■ **WORK TO BE COMPLETED**:
Only a slice of the listing below is wanted. Retype the lines from the one containing "#55=IFCINDEXEDPOLYGONALFACE((17,21,22,18));" through the one containing "#66=IFCINDEXEDPOLYGONALFACE((39,40,42,41));", exactly, both ends included.

■ **EXCERPTED DATA**:
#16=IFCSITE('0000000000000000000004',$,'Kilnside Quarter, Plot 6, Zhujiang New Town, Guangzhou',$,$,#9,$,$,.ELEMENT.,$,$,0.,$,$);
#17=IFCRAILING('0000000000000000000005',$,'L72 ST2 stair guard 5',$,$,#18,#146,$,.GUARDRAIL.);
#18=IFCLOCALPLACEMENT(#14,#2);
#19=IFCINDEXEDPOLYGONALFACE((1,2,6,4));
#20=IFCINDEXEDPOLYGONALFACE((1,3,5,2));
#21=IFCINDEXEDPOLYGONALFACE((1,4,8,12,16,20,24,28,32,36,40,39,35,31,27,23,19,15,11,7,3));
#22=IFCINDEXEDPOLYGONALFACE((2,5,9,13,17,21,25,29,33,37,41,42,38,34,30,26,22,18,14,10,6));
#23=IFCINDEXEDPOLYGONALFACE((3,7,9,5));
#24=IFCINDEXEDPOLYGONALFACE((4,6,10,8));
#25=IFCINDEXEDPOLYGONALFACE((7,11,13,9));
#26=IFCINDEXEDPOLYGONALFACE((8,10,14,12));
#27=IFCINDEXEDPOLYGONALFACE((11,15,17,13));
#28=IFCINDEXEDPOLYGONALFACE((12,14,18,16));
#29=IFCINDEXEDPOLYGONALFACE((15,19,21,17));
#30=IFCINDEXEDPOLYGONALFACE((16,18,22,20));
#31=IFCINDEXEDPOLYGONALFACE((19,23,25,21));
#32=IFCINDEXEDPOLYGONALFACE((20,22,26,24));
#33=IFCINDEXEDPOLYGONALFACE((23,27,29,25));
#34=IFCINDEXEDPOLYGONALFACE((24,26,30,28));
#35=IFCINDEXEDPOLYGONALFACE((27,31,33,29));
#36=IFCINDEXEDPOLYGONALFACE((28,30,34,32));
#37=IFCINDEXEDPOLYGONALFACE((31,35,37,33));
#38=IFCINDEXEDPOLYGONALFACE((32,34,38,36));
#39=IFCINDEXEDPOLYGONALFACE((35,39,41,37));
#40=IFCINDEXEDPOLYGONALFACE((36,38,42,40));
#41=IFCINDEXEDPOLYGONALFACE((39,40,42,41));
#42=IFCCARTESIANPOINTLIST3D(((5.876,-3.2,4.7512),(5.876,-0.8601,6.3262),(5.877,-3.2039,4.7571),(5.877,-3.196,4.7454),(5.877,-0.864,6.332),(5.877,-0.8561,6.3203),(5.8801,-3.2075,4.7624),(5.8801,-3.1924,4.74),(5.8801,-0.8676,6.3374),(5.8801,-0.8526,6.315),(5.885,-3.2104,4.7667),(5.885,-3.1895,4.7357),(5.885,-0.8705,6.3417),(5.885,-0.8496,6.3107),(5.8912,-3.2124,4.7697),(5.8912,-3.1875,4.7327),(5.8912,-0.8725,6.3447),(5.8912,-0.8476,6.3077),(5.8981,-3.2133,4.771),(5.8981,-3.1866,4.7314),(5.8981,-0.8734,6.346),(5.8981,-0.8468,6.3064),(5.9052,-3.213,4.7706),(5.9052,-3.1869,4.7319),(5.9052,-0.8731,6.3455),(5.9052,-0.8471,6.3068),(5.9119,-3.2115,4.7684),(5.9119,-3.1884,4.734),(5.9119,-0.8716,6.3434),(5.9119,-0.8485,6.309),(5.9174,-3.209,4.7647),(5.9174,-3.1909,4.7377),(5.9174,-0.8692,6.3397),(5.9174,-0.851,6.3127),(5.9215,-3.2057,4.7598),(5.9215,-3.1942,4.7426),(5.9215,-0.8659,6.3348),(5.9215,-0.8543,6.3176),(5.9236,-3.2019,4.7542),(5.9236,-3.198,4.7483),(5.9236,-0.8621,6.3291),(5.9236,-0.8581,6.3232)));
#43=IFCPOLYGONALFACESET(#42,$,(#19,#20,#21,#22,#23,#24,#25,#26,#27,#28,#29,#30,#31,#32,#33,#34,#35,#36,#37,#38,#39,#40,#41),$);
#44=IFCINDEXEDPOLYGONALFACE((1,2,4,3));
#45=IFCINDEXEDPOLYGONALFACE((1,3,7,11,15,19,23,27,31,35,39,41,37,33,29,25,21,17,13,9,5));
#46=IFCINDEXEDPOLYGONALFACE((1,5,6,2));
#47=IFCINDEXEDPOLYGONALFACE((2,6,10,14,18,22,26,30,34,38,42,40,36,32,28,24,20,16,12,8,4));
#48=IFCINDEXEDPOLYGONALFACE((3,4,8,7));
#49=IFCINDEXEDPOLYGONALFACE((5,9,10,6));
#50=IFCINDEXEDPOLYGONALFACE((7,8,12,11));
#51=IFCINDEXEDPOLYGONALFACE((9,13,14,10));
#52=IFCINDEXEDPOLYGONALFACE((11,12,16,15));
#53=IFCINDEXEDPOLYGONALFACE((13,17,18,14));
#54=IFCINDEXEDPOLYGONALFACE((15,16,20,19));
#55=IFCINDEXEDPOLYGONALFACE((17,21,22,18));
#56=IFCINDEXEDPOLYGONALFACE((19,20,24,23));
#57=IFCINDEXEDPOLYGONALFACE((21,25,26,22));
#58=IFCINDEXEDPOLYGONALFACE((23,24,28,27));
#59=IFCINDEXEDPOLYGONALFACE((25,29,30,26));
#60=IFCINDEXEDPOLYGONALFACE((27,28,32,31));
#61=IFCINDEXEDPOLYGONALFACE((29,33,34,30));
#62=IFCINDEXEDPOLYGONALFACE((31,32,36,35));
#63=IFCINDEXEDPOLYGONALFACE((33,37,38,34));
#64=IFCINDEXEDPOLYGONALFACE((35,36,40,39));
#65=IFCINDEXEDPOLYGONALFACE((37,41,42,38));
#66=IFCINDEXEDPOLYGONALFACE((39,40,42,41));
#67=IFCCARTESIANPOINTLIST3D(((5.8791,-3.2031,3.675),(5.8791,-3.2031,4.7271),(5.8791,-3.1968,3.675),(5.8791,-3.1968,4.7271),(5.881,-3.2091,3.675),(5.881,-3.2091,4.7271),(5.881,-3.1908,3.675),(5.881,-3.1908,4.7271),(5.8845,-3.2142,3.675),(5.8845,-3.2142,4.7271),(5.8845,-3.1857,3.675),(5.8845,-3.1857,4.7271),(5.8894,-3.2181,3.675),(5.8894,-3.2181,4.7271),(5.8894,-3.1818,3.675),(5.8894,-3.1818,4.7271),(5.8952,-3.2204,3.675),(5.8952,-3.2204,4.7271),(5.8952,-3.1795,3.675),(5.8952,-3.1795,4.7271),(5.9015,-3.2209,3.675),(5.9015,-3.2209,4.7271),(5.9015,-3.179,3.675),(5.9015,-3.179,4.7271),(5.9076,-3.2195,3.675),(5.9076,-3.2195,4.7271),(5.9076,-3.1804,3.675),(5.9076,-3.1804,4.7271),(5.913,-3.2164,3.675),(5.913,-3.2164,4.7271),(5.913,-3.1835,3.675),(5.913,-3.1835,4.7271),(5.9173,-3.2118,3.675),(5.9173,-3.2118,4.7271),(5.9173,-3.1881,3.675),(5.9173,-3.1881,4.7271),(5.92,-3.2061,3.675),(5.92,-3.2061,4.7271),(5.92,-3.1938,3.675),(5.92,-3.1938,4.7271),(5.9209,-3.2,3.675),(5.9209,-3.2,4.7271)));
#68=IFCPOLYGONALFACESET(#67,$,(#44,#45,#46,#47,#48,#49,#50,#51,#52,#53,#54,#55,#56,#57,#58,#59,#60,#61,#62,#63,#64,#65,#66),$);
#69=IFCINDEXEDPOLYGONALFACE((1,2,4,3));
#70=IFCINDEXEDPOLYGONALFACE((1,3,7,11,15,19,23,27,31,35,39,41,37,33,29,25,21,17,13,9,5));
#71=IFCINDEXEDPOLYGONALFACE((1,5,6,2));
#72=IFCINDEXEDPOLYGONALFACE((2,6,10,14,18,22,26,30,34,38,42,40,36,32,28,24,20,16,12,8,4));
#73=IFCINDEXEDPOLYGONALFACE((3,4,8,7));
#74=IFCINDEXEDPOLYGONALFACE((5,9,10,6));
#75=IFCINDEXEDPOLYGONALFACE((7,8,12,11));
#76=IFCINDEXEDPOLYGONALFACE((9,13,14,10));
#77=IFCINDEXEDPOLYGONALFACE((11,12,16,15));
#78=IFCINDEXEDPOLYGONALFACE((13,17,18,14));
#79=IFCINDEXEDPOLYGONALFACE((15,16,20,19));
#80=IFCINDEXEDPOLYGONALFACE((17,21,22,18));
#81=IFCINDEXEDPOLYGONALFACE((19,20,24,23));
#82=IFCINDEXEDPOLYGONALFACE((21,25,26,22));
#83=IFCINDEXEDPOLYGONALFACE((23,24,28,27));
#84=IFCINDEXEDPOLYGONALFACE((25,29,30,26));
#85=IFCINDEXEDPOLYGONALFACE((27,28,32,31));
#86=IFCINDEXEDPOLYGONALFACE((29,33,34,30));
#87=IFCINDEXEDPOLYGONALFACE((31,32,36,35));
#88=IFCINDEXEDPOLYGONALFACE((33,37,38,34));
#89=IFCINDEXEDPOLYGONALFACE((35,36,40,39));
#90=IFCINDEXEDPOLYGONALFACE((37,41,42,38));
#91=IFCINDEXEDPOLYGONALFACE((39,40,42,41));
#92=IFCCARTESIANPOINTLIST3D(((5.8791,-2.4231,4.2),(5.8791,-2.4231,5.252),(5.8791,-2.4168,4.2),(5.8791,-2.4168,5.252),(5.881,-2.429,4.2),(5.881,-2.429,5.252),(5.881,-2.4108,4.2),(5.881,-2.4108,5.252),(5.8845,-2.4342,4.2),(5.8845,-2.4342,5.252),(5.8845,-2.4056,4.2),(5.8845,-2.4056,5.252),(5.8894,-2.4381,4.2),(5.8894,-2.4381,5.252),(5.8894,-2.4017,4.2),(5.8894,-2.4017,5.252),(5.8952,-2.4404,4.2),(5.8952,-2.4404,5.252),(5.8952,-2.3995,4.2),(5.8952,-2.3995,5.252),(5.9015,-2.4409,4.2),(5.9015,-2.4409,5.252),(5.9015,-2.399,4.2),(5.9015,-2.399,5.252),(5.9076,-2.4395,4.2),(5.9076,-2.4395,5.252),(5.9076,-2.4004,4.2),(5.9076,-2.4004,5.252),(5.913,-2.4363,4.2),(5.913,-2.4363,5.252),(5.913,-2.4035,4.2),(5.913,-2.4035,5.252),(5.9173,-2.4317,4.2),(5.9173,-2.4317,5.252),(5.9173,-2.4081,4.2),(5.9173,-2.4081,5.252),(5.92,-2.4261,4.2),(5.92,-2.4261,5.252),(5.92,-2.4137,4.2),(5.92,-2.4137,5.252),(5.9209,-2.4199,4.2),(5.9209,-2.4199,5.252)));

■ **EXPECTED ANSWER**:
#55=IFCINDEXEDPOLYGONALFACE((17,21,22,18));
#56=IFCINDEXEDPOLYGONALFACE((19,20,24,23));
#57=IFCINDEXEDPOLYGONALFACE((21,25,26,22));
#58=IFCINDEXEDPOLYGONALFACE((23,24,28,27));
#59=IFCINDEXEDPOLYGONALFACE((25,29,30,26));
#60=IFCINDEXEDPOLYGONALFACE((27,28,32,31));
#61=IFCINDEXEDPOLYGONALFACE((29,33,34,30));
#62=IFCINDEXEDPOLYGONALFACE((31,32,36,35));
#63=IFCINDEXEDPOLYGONALFACE((33,37,38,34));
#64=IFCINDEXEDPOLYGONALFACE((35,36,40,39));
#65=IFCINDEXEDPOLYGONALFACE((37,41,42,38));
#66=IFCINDEXEDPOLYGONALFACE((39,40,42,41));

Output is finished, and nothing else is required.